ACTIVITY: In the entries below, find the line with "#155=IFCINDEXEDPOLYGONALFACE((2,4,8,6));" and the line with "#157=IFCINDEXEDPOLYGONALFACE((5,6,8,7));". Return those two lines and all lines between them, exactly.

Top of MATERIAL FOR THIS TASK

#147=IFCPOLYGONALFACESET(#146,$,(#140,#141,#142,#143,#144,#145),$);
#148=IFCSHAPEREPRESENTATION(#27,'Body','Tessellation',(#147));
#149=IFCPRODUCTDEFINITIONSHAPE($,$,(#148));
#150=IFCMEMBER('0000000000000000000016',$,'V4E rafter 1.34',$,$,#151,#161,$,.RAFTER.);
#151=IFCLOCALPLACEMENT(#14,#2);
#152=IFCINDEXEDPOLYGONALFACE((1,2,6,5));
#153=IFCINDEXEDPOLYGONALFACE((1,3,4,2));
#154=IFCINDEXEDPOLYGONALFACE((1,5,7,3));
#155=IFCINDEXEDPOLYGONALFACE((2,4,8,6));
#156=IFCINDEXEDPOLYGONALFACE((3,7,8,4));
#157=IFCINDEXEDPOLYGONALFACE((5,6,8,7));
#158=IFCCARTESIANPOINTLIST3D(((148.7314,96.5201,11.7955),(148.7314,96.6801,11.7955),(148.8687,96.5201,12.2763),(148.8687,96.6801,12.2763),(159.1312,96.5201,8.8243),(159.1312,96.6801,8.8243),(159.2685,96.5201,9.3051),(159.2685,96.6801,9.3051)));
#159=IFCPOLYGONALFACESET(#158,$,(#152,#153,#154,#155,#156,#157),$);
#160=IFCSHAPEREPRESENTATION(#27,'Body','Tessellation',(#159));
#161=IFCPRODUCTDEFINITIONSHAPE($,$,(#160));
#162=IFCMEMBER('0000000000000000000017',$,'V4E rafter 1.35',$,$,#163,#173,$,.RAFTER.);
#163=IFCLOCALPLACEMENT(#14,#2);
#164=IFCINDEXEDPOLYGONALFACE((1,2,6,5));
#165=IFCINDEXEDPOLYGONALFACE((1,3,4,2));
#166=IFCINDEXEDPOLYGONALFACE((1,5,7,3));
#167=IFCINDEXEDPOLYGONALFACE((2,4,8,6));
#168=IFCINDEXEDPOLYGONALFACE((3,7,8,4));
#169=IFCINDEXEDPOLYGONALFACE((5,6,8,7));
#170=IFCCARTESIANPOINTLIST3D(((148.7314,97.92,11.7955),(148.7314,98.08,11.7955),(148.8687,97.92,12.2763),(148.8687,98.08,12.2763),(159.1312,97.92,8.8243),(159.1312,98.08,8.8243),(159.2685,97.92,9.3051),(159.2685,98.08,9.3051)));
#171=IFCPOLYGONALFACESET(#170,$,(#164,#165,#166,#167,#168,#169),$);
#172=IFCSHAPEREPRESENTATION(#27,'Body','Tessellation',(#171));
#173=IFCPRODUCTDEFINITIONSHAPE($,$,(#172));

Bottom of MATERIAL FOR THIS TASK
Top of MATERIAL FOR THIS TASK

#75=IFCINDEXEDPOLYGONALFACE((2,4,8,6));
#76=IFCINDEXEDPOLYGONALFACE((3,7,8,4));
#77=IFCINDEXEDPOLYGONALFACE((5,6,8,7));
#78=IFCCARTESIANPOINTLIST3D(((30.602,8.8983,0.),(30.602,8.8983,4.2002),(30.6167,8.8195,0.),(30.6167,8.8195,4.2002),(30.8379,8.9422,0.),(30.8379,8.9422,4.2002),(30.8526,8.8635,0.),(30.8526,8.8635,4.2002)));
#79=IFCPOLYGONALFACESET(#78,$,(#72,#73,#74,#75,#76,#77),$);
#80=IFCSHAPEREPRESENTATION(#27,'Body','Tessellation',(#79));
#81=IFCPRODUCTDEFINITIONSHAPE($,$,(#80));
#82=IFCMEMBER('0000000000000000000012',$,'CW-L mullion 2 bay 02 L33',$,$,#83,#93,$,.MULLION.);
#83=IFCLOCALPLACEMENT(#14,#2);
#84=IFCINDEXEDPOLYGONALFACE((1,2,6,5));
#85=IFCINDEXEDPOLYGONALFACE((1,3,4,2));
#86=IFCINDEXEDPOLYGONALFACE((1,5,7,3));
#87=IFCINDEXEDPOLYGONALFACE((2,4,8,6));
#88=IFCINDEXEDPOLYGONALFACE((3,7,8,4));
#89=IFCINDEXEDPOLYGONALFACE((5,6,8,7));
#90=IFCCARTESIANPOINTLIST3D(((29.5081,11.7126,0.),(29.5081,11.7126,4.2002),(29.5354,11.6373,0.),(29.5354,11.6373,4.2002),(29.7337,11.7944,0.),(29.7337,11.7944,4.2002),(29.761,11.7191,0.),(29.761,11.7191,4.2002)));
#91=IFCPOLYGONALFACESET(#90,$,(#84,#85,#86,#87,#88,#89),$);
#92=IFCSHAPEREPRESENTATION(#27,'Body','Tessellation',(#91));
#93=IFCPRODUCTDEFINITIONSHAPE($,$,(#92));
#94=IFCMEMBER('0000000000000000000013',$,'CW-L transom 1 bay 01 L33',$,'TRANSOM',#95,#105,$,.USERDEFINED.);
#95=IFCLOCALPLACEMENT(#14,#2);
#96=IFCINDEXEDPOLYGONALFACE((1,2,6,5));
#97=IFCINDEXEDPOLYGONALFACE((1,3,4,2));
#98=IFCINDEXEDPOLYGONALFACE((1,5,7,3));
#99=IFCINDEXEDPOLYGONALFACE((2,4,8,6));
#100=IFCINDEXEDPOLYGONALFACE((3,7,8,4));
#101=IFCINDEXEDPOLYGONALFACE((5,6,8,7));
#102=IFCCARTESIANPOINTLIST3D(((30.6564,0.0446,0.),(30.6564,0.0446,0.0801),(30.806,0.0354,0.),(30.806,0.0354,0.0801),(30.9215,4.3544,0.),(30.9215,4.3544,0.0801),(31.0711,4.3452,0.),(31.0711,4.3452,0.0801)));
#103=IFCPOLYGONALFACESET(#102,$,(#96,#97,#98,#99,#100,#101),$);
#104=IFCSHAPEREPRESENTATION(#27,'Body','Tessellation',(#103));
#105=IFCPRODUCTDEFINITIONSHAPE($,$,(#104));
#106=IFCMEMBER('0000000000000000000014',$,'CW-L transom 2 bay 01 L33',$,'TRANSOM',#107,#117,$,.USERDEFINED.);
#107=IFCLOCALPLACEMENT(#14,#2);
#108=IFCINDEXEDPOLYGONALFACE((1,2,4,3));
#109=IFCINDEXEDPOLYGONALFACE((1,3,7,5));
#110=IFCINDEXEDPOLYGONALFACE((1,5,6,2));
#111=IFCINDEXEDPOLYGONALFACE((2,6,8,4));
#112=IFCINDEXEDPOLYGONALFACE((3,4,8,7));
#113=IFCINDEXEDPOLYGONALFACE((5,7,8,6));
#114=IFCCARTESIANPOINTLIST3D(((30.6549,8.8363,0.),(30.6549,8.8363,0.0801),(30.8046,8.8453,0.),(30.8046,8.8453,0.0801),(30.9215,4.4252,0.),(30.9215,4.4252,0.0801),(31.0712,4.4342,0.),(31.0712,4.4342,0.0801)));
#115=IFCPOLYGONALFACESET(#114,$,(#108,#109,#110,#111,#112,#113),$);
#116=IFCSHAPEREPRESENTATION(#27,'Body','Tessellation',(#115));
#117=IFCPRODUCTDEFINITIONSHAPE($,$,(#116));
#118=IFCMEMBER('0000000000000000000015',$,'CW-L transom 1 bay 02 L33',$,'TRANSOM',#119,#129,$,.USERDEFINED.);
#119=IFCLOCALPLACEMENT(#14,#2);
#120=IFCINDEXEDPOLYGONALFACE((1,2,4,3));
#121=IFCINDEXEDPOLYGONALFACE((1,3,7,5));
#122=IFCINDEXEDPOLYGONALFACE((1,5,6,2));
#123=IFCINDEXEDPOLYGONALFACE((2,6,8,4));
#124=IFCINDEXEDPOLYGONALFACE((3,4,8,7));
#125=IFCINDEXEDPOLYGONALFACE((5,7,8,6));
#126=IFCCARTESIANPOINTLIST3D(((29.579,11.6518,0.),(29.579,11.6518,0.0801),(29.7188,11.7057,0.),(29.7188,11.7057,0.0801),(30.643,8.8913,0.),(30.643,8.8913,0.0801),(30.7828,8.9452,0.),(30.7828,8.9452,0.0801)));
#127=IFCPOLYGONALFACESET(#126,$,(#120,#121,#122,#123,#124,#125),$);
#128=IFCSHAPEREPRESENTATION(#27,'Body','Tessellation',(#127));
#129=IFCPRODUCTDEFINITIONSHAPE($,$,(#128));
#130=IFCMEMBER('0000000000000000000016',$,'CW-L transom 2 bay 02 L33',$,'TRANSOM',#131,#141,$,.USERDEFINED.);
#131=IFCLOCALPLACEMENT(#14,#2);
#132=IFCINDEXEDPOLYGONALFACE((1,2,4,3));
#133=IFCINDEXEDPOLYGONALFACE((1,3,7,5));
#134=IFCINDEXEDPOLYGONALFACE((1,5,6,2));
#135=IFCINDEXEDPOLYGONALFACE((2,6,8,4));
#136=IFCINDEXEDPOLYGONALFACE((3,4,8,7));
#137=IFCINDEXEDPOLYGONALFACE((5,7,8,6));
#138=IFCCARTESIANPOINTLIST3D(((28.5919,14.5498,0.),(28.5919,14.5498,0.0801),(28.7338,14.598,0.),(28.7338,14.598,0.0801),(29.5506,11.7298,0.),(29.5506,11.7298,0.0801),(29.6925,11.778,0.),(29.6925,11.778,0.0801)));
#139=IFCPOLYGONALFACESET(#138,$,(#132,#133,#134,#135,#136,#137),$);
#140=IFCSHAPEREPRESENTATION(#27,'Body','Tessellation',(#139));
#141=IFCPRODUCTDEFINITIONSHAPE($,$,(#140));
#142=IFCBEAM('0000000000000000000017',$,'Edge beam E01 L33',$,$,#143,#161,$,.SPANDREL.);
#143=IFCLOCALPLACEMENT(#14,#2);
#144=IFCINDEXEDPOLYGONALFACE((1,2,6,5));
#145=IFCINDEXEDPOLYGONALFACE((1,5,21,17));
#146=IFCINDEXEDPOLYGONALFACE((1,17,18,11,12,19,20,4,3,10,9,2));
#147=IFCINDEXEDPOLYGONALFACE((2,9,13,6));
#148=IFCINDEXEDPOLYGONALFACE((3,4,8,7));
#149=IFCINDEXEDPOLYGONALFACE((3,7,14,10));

Bottom of MATERIAL FOR THIS TASK

TASK ANSWER:
#155=IFCINDEXEDPOLYGONALFACE((2,4,8,6));
#156=IFCINDEXEDPOLYGONALFACE((3,7,8,4));
#157=IFCINDEXEDPOLYGONALFACE((5,6,8,7));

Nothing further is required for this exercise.